__LISTED ENTRIES__.
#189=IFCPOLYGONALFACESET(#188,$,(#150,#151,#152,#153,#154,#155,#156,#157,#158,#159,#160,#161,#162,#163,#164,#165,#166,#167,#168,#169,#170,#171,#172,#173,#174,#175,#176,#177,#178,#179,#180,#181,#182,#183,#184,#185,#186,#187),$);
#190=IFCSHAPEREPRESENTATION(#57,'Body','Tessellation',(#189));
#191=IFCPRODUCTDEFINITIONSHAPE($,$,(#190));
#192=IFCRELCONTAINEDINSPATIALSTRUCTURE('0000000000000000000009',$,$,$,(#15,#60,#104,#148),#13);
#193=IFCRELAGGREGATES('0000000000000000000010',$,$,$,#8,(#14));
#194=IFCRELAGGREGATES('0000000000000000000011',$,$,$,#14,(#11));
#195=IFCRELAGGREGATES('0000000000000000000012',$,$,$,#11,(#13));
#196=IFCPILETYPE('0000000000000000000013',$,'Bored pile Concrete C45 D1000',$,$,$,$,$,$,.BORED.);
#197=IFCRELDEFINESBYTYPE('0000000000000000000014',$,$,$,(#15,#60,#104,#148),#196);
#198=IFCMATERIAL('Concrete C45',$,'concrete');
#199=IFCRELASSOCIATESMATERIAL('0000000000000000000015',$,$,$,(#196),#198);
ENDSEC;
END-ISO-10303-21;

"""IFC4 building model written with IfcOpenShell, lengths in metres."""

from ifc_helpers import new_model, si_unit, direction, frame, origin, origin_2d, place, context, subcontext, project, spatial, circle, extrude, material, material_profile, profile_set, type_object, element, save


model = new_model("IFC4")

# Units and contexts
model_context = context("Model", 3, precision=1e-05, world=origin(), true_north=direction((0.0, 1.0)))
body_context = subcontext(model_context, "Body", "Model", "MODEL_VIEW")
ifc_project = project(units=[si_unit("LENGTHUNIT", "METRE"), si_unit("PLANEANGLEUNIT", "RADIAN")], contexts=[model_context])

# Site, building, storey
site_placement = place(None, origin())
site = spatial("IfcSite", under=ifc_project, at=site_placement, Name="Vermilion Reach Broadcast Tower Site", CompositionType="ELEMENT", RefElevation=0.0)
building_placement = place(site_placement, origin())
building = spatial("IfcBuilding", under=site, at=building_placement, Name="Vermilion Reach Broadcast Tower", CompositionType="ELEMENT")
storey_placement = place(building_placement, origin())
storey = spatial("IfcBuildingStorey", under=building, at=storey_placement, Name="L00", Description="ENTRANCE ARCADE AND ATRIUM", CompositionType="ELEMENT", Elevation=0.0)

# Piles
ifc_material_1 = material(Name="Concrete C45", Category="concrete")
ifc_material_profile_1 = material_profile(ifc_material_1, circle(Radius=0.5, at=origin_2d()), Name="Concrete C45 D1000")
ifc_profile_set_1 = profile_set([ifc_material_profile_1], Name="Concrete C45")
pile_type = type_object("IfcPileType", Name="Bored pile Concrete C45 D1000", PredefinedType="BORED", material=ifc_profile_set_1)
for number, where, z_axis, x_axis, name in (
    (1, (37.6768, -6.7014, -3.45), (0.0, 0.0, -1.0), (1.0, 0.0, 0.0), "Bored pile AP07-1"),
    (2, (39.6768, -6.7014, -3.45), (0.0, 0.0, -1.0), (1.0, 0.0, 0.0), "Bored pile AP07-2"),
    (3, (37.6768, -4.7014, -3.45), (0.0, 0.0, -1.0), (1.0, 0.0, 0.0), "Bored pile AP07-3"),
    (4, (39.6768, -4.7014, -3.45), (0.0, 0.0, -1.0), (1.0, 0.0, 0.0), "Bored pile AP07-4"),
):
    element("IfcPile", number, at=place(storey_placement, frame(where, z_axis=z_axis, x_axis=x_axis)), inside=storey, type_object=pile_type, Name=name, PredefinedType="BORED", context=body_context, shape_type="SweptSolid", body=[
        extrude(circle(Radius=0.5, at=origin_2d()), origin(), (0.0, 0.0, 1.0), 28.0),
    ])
...
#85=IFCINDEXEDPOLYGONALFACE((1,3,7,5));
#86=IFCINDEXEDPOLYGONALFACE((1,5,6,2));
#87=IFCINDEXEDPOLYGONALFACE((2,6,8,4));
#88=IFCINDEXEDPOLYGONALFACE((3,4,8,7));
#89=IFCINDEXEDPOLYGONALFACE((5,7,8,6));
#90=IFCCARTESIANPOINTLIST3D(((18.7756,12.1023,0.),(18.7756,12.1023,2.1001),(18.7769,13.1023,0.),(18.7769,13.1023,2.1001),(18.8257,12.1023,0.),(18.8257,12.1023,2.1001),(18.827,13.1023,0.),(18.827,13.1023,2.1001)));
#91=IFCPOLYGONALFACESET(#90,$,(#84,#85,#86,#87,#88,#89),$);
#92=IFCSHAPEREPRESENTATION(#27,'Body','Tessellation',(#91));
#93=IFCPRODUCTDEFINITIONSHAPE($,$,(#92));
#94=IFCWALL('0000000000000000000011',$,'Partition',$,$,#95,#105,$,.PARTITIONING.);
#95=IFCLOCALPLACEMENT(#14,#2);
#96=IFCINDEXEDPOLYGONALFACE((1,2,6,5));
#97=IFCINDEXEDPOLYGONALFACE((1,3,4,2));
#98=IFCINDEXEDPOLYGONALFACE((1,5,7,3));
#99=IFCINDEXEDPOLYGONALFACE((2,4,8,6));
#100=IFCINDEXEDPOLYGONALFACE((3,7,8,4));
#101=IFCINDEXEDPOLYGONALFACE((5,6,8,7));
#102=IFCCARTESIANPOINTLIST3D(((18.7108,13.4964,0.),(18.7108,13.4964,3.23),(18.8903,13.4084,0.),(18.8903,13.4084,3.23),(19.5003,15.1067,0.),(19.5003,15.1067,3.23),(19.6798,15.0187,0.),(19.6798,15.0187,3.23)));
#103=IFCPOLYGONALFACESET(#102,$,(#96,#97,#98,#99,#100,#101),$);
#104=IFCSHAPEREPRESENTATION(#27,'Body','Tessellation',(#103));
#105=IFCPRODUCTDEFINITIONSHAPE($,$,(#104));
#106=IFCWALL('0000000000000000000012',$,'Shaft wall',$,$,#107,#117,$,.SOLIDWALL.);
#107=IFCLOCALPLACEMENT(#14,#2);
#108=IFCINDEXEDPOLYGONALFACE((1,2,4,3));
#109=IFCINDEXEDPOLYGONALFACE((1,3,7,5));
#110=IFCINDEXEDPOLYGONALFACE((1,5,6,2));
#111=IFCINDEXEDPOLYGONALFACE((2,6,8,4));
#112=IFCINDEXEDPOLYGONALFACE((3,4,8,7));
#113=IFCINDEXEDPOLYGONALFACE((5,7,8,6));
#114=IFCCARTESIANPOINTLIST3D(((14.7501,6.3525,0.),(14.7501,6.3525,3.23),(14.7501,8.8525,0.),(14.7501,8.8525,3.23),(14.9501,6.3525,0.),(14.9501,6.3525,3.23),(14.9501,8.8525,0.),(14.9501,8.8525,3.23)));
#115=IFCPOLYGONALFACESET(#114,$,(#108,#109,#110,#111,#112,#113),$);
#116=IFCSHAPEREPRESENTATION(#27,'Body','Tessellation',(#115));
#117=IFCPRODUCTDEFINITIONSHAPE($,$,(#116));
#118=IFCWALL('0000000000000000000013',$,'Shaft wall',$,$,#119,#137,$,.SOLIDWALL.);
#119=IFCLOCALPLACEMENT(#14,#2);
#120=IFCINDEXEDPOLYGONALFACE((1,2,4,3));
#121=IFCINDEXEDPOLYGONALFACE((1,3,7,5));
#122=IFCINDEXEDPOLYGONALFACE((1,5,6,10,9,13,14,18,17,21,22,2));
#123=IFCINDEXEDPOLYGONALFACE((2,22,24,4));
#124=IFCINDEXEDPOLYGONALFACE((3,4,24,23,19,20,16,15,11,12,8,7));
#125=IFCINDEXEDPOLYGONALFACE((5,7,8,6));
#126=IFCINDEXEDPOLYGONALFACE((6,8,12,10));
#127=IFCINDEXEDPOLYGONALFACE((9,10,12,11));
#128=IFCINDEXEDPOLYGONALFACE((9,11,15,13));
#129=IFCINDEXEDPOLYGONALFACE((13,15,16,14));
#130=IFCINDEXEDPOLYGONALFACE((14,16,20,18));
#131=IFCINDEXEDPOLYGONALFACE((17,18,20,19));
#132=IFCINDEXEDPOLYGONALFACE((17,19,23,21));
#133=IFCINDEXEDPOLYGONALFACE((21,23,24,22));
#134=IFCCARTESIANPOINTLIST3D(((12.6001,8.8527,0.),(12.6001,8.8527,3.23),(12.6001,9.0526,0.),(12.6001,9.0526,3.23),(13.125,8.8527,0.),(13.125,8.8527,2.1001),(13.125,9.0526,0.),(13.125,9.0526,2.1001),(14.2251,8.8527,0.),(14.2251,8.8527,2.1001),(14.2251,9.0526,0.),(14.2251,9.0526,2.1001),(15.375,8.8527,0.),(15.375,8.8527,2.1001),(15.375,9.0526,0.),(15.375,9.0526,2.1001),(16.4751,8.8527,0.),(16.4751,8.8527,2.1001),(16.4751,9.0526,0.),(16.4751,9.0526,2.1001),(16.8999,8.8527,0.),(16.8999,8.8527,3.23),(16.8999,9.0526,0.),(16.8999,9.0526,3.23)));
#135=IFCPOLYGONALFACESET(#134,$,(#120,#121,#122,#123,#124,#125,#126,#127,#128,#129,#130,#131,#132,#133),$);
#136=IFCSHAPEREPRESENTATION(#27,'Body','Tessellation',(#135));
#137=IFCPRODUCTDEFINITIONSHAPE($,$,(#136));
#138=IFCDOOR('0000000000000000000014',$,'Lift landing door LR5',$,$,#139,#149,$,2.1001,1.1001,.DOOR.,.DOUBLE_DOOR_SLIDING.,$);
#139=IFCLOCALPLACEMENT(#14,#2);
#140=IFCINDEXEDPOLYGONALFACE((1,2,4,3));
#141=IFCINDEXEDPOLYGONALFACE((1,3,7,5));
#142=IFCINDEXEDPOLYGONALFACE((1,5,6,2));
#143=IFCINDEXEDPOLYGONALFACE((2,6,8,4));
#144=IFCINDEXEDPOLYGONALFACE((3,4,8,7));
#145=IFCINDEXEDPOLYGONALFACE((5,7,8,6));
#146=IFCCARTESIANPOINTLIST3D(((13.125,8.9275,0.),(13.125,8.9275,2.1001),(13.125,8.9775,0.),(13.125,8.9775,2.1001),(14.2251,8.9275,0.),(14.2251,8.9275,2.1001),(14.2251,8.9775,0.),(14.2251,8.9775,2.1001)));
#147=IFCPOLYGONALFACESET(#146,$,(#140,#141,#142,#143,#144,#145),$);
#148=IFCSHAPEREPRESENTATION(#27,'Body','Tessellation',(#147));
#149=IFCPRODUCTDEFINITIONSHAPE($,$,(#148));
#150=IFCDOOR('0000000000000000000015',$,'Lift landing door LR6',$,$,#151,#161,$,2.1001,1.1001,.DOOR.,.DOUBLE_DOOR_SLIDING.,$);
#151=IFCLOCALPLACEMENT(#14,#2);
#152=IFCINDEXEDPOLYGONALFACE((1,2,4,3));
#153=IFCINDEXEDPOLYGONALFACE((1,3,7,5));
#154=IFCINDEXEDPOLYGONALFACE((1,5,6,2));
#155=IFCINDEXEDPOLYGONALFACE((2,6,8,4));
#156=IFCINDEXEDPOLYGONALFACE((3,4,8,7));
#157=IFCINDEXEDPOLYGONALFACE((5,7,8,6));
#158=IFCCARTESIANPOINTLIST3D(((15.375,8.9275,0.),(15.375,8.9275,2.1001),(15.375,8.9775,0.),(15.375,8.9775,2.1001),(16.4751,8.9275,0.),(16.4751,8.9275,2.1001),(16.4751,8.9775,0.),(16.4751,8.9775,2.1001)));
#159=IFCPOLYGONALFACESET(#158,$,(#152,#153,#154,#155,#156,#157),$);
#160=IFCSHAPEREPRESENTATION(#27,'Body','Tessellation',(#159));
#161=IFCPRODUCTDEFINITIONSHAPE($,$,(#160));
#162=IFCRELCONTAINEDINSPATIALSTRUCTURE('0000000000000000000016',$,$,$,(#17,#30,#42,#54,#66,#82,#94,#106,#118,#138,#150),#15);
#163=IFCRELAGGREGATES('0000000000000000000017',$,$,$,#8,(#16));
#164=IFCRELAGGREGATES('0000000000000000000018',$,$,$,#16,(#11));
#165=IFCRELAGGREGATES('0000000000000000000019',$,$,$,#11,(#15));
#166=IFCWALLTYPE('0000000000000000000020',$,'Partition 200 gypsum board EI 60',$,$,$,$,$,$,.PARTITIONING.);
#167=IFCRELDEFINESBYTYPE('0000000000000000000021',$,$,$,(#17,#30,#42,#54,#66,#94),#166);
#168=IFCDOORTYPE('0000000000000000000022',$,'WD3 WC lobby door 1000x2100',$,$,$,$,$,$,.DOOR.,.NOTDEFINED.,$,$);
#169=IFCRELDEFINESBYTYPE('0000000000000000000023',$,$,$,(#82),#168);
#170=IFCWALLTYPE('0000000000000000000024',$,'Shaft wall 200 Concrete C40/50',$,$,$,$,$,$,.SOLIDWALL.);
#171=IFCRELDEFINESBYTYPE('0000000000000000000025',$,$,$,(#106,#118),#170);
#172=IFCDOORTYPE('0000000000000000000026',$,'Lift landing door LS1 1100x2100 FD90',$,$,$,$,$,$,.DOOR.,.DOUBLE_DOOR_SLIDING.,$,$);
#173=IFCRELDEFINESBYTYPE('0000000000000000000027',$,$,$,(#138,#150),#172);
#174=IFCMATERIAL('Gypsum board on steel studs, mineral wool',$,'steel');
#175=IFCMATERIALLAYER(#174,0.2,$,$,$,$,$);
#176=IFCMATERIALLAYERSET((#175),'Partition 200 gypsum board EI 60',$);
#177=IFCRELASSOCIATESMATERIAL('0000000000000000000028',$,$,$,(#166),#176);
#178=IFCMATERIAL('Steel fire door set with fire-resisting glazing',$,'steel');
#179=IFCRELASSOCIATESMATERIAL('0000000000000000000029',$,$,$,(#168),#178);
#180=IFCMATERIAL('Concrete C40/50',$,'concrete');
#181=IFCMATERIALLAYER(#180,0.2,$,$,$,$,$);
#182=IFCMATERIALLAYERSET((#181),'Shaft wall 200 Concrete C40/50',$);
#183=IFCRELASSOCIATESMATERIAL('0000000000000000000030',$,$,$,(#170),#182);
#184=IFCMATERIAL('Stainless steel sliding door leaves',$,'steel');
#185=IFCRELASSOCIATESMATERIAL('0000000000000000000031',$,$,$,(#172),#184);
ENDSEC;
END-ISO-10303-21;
* * *
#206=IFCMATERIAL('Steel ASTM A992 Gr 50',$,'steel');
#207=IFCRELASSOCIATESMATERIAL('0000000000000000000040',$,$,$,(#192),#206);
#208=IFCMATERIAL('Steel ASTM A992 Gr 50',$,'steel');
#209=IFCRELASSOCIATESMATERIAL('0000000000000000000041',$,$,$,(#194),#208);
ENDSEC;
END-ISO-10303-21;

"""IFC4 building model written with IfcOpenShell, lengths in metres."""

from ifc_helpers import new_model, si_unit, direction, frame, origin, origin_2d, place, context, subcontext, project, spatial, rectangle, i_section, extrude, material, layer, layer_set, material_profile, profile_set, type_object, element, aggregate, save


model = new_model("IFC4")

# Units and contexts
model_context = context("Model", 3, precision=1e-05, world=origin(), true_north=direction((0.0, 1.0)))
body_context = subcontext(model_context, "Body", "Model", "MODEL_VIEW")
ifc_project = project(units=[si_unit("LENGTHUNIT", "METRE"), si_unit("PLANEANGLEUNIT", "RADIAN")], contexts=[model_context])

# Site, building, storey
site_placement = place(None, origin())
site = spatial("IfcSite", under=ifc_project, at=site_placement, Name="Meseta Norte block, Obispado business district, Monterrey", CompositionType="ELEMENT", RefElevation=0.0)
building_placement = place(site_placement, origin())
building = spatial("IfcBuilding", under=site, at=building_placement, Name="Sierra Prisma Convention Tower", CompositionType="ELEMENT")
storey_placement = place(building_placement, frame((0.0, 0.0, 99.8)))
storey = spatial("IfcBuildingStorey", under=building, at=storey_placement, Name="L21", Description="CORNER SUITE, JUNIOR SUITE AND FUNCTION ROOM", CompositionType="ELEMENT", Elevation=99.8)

__INSTRUCTIONS TO FOLLOW__. Return each line above where the word "IFCPRODUCTDEFINITIONSHAPE" shows up.

__RESULT OF THIS EXERCISE__.
#191=IFCPRODUCTDEFINITIONSHAPE($,$,(#190));
#93=IFCPRODUCTDEFINITIONSHAPE($,$,(#92));
#105=IFCPRODUCTDEFINITIONSHAPE($,$,(#104));
#117=IFCPRODUCTDEFINITIONSHAPE($,$,(#116));
#137=IFCPRODUCTDEFINITIONSHAPE($,$,(#136));
#149=IFCPRODUCTDEFINITIONSHAPE($,$,(#148));
#161=IFCPRODUCTDEFINITIONSHAPE($,$,(#160));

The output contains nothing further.